> _Dataset records_:
● ● ●

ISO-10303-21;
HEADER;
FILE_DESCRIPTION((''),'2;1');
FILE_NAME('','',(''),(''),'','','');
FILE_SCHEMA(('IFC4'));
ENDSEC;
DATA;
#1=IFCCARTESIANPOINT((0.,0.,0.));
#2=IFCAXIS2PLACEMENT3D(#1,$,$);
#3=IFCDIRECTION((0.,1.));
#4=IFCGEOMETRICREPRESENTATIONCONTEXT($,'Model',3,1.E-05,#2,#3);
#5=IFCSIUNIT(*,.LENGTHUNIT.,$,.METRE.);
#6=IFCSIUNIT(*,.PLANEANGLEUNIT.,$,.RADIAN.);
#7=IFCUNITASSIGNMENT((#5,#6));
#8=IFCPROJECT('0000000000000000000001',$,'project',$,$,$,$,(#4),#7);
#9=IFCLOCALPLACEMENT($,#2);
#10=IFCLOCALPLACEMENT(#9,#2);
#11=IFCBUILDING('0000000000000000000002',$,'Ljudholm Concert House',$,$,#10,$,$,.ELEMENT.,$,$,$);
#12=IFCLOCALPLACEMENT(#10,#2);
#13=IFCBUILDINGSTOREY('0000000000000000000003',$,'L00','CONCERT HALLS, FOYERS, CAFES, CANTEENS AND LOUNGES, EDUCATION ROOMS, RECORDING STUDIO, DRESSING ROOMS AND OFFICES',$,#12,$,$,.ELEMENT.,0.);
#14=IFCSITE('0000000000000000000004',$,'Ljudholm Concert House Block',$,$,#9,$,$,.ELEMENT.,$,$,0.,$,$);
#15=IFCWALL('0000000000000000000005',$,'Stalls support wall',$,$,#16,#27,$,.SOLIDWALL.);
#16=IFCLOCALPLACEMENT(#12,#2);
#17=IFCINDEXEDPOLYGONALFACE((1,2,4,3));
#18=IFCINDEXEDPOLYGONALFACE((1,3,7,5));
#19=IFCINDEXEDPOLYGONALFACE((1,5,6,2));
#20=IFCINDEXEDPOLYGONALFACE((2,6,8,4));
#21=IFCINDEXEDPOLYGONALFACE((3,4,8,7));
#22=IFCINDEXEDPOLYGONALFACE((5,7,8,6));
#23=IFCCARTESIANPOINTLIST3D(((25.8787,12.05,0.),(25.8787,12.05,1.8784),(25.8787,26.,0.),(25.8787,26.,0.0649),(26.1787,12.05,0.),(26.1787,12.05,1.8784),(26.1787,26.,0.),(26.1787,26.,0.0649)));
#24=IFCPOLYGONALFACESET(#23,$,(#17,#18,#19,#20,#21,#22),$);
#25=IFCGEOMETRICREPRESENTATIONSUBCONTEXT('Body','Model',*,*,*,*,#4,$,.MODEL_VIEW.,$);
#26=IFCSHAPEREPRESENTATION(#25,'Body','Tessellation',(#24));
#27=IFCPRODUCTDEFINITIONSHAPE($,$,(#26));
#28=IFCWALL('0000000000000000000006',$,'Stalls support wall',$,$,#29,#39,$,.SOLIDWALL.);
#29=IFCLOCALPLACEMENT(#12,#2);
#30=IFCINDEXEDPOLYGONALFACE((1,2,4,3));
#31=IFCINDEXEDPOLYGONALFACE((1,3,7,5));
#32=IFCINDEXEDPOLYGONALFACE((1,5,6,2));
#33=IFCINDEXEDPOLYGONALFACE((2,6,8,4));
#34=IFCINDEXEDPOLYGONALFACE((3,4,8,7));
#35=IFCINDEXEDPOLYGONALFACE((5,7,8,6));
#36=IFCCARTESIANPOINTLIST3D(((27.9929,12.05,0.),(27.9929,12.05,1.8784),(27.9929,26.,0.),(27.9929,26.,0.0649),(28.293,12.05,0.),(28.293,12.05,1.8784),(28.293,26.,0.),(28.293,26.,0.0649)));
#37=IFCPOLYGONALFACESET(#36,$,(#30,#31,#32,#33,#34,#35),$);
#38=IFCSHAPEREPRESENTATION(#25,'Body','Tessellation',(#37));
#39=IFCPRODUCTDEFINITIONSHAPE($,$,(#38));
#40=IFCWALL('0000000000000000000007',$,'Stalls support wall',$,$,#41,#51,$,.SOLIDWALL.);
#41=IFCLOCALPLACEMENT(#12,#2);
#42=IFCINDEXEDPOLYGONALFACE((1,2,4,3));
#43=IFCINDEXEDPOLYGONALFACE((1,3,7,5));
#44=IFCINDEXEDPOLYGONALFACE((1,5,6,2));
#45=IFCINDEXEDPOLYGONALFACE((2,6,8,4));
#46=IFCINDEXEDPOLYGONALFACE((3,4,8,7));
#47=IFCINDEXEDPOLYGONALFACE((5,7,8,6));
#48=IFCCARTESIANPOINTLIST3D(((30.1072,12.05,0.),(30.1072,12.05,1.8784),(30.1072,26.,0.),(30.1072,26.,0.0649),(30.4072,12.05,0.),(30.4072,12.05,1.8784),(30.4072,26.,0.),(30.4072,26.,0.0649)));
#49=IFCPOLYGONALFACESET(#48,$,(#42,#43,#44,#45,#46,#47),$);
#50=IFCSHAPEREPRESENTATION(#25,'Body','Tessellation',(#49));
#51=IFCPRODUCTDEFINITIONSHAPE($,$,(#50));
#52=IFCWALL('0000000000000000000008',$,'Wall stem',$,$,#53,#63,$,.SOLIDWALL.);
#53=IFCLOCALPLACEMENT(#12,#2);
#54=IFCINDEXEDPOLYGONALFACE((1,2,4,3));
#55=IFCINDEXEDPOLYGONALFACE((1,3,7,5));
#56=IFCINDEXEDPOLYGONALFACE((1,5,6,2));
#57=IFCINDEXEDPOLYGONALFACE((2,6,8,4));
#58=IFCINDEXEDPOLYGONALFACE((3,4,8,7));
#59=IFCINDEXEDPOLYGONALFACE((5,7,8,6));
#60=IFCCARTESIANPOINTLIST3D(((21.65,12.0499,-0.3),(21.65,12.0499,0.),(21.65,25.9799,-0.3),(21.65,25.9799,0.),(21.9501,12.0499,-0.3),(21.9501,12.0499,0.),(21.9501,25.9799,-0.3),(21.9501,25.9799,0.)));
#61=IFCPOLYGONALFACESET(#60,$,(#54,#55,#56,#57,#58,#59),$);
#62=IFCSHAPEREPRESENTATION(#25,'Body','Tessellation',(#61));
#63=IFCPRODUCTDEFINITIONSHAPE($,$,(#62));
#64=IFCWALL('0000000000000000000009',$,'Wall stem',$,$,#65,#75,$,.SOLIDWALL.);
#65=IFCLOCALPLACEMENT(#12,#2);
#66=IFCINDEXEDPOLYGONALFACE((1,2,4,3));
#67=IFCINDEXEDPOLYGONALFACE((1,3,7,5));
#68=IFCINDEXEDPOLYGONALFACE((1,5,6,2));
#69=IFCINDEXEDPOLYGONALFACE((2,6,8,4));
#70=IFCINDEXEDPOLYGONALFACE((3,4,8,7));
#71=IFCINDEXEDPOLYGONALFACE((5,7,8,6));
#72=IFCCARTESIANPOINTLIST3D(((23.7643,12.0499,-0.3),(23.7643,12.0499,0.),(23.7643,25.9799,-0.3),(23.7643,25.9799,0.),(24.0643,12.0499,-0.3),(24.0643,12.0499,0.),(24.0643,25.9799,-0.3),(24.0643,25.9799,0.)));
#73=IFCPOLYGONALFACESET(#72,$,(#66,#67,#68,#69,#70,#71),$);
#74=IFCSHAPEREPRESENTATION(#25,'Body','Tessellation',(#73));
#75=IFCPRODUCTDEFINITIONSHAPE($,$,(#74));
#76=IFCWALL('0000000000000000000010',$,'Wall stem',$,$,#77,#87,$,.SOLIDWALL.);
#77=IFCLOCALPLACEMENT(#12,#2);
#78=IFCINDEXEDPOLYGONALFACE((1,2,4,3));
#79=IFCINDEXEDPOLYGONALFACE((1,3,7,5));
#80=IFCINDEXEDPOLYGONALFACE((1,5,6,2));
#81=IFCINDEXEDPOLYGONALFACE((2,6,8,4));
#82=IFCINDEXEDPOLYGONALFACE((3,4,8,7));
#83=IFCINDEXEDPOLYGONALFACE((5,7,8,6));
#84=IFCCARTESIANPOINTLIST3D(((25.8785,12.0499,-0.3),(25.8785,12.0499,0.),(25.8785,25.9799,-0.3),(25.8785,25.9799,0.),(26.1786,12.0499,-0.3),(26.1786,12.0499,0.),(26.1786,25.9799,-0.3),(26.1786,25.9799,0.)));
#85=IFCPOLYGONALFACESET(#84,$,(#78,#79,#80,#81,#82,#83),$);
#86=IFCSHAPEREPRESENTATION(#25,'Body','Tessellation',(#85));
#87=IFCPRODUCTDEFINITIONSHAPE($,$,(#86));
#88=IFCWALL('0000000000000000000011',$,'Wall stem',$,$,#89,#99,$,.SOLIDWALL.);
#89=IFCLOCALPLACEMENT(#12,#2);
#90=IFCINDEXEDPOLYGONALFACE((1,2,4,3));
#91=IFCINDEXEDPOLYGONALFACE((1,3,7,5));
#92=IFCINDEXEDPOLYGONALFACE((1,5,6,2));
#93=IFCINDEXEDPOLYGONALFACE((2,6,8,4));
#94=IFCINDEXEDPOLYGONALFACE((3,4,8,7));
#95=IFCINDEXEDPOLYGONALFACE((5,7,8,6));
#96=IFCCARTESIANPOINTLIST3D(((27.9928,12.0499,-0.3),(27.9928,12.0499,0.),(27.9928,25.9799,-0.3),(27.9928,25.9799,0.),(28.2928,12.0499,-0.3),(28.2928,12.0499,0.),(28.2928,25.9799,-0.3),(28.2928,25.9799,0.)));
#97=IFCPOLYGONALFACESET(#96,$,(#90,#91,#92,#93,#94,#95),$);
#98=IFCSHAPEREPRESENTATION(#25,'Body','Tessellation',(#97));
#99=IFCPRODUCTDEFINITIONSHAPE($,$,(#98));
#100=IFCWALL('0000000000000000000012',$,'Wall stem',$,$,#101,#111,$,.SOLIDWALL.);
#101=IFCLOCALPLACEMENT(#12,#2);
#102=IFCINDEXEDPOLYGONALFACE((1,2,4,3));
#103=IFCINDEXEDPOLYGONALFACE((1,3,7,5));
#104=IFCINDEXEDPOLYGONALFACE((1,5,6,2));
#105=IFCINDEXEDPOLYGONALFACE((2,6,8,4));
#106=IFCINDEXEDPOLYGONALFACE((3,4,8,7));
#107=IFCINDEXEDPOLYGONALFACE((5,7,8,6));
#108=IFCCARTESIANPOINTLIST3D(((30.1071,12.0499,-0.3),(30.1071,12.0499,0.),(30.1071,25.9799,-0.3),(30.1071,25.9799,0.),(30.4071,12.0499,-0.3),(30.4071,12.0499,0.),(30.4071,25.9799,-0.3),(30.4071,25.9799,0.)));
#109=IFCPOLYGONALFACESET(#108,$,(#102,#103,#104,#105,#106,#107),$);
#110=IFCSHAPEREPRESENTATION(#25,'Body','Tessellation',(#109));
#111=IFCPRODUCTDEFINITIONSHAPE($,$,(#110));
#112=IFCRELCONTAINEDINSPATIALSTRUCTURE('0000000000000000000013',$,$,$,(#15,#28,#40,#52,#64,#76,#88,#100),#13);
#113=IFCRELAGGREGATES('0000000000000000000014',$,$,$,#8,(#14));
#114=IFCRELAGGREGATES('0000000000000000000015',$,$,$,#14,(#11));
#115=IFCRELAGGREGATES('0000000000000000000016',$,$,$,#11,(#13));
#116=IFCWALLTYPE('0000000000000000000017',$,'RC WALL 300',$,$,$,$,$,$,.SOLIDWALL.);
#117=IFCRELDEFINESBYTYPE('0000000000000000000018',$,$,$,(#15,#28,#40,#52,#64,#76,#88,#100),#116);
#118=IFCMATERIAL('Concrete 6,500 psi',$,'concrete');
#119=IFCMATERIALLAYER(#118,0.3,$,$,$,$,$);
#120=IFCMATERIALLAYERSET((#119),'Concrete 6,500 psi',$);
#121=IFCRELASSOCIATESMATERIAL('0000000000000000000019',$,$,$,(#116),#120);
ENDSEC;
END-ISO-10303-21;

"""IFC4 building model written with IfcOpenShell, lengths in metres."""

from ifc_helpers import new_model, si_unit, direction, frame, frame_2d, origin, place, context, subcontext, project, spatial, polyline, rectangle, outline, extrude, material, layer, layer_set, type_object, element, save


model = new_model("IFC4")

# Units and contexts
model_context = context("Model", 3, precision=1e-05, world=origin(), true_north=direction((0.0, 1.0)))
body_context = subcontext(model_context, "Body", "Model", "MODEL_VIEW")
ifc_project = project(units=[si_unit("LENGTHUNIT", "METRE"), si_unit("PLANEANGLEUNIT", "RADIAN")], contexts=[model_context])

# Site, building, storey
site_placement = place(None, origin())
site = spatial("IfcSite", under=ifc_project, at=site_placement, Name="Ljudholm Concert House Block", CompositionType="ELEMENT", RefElevation=0.0)
building_placement = place(site_placement, origin())
building = spatial("IfcBuilding", under=site, at=building_placement, Name="Ljudholm Concert House", CompositionType="ELEMENT")
storey_placement = place(building_placement, origin())
storey = spatial("IfcBuildingStorey", under=building, at=storey_placement, Name="L00", Description="CONCERT HALLS, FOYERS, CAFES, CANTEENS AND LOUNGES, EDUCATION ROOMS, RECORDING STUDIO, DRESSING ROOMS AND OFFICES", CompositionType="ELEMENT", Elevation=0.0)

# Walls
ifc_material_1 = material(Name="Concrete 6,500 psi", Category="concrete")
ifc_layer = layer(ifc_material_1, 0.3)
ifc_layer_set = layer_set([ifc_layer], Name="Concrete 6,500 psi")
wall_type = type_object("IfcWallType", Name="RC WALL 300", PredefinedType="SOLIDWALL", material=ifc_layer_set)
for number, where, z_axis, x_axis, name in (
    (1, (26.0286, 12.05, 0.0), (0.0, 0.0, 1.0), (0.0, 1.0, 0.0), "Stalls support wall"),
    (2, (28.1428, 12.05, 0.0), (0.0, 0.0, 1.0), (0.0, 1.0, 0.0), "Stalls support wall"),
    (3, (30.2571, 12.05, 0.0), (0.0, 0.0, 1.0), (0.0, 1.0, 0.0), "Stalls support wall"),
):
    element("IfcWall", number, at=place(storey_placement, frame(where, z_axis=z_axis, x_axis=x_axis)), inside=storey, type_object=wall_type, Name=name, PredefinedType="SOLIDWALL", context=body_context, shape_type="SweptSolid", body=[
        extrude(outline(polyline([(0.0, 0.0), (13.95, 0.0), (13.95, 0.0649), (0.0, 1.8784), (0.0, 0.0)])), frame((0.0, 0.1499, 0.0), z_axis=(0.0, -1.0, 0.0), x_axis=(1.0, 0.0, 0.0)), (0.0, 0.0, 1.0), 0.3),
    ])
for number, where, z_axis, x_axis, name in (
    (4, (21.8, 12.05, -0.3), (0.0, 0.0, 1.0), (0.0, 1.0, 0.0), "Wall stem"),
    (5, (23.9143, 12.05, -0.3), (0.0, 0.0, 1.0), (0.0, 1.0, 0.0), "Wall stem"),
    (6, (26.0286, 12.05, -0.3), (0.0, 0.0, 1.0), (0.0, 1.0, 0.0), "Wall stem"),
    (7, (28.1428, 12.05, -0.3), (0.0, 0.0, 1.0), (0.0, 1.0, 0.0), "Wall stem"),
    (8, (30.2571, 12.05, -0.3), (0.0, 0.0, 1.0), (0.0, 1.0, 0.0), "Wall stem"),
):
    element("IfcWall", number, at=place(storey_placement, frame(where, z_axis=z_axis, x_axis=x_axis)), inside=storey, type_object=wall_type, Name=name, PredefinedType="SOLIDWALL", context=body_context, shape_type="SweptSolid", body=[
        extrude(rectangle(XDim=13.9299, YDim=0.3, at=frame_2d((6.9648, 0.0))), origin(), (0.0, 0.0, 1.0), 0.3),
    ])

save(model, "model.ifc")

● ● ●

Where the line with "ROOMS AND OFFICES',$,#12,$,$,.ELEMENT.,0.);" ends, your copy should end too; please return exactly the lines from the first line of the data through it.

> _Task solution_:
ISO-10303-21;
HEADER;
FILE_DESCRIPTION((''),'2;1');
FILE_NAME('','',(''),(''),'','','');
FILE_SCHEMA(('IFC4'));
ENDSEC;
DATA;
#1=IFCCARTESIANPOINT((0.,0.,0.));
#2=IFCAXIS2PLACEMENT3D(#1,$,$);
#3=IFCDIRECTION((0.,1.));
#4=IFCGEOMETRICREPRESENTATIONCONTEXT($,'Model',3,1.E-05,#2,#3);
#5=IFCSIUNIT(*,.LENGTHUNIT.,$,.METRE.);
#6=IFCSIUNIT(*,.PLANEANGLEUNIT.,$,.RADIAN.);
#7=IFCUNITASSIGNMENT((#5,#6));
#8=IFCPROJECT('0000000000000000000001',$,'project',$,$,$,$,(#4),#7);
#9=IFCLOCALPLACEMENT($,#2);
#10=IFCLOCALPLACEMENT(#9,#2);
#11=IFCBUILDING('0000000000000000000002',$,'Ljudholm Concert House',$,$,#10,$,$,.ELEMENT.,$,$,$);
#12=IFCLOCALPLACEMENT(#10,#2);
#13=IFCBUILDINGSTOREY('0000000000000000000003',$,'L00','CONCERT HALLS, FOYERS, CAFES, CANTEENS AND LOUNGES, EDUCATION ROOMS, RECORDING STUDIO, DRESSING ROOMS AND OFFICES',$,#12,$,$,.ELEMENT.,0.);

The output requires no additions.